▶ _Task brief_
Go through the entries below and pick out every line with "Tessellation".
========================================================================
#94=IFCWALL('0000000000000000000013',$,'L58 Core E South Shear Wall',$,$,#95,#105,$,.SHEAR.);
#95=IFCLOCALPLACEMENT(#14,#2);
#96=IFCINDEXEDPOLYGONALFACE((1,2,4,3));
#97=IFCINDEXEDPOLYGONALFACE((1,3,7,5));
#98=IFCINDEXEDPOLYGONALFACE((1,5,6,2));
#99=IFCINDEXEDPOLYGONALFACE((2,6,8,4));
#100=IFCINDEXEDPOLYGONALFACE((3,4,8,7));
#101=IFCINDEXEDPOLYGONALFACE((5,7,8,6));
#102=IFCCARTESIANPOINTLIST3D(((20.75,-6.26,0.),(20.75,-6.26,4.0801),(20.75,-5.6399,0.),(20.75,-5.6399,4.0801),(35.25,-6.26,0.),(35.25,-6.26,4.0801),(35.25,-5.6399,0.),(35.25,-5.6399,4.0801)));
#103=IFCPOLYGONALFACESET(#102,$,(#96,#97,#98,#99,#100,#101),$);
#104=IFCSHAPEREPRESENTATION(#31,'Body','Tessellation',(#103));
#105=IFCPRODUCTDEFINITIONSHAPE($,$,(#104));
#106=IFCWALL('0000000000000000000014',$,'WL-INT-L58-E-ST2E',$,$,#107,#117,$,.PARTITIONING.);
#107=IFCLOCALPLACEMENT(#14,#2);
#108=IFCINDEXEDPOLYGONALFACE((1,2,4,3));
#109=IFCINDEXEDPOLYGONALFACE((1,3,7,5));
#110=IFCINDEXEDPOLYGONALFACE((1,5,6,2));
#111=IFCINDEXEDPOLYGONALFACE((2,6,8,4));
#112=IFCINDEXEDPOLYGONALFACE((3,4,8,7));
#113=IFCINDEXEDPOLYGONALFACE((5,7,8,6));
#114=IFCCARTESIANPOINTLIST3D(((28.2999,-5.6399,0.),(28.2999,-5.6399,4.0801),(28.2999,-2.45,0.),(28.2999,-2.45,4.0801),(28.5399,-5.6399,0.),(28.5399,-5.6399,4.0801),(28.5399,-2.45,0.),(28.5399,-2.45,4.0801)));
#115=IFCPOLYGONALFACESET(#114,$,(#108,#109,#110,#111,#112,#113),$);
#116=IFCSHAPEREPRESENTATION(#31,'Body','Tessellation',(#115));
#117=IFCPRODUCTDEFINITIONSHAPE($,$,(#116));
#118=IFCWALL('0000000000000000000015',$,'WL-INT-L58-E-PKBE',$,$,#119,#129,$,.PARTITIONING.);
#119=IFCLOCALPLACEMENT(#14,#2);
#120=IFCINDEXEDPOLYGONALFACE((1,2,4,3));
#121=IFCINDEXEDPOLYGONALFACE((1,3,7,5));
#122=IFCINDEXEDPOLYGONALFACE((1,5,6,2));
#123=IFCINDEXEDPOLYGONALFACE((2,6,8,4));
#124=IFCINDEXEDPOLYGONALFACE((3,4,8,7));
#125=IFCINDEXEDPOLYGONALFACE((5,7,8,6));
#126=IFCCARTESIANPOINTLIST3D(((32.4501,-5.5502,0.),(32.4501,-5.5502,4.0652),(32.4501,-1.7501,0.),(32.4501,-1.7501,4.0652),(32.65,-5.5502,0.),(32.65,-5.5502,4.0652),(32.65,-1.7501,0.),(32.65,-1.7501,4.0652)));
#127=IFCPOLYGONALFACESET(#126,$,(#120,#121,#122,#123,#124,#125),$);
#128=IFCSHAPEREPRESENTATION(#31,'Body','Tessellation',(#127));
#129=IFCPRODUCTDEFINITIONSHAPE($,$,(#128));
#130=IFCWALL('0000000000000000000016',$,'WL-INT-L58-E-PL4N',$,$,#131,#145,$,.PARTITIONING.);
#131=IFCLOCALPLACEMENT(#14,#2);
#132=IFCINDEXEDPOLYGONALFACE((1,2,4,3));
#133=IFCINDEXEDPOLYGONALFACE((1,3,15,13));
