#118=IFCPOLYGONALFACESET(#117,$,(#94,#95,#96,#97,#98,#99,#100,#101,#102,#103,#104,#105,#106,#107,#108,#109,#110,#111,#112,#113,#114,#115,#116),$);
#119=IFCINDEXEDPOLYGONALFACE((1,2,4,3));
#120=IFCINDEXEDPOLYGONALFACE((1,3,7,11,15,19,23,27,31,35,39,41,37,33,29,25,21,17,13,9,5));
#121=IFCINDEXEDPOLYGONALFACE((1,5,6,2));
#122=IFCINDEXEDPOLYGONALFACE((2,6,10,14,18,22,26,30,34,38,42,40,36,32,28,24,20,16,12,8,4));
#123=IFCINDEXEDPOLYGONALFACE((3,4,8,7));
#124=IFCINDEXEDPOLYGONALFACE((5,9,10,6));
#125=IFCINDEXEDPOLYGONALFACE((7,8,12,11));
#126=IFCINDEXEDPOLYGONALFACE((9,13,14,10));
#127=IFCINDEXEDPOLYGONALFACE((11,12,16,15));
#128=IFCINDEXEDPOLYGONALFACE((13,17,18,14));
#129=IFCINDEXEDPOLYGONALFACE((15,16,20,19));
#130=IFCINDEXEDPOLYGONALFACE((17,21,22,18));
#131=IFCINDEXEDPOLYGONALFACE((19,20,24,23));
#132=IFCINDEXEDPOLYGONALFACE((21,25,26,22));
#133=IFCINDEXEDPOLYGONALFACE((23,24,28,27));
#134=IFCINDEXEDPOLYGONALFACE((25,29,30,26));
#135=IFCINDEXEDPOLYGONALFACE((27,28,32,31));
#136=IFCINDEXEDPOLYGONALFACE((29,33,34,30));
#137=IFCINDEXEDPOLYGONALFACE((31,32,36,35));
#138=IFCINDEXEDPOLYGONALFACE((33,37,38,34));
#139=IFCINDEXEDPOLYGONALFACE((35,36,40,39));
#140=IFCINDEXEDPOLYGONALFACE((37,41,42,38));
========================================================================
▶ _Expected output_
#104=IFCSHAPEREPRESENTATION(#31,'Body','Tessellation',(#103));
#116=IFCSHAPEREPRESENTATION(#31,'Body','Tessellation',(#115));
#128=IFCSHAPEREPRESENTATION(#31,'Body','Tessellation',(#127));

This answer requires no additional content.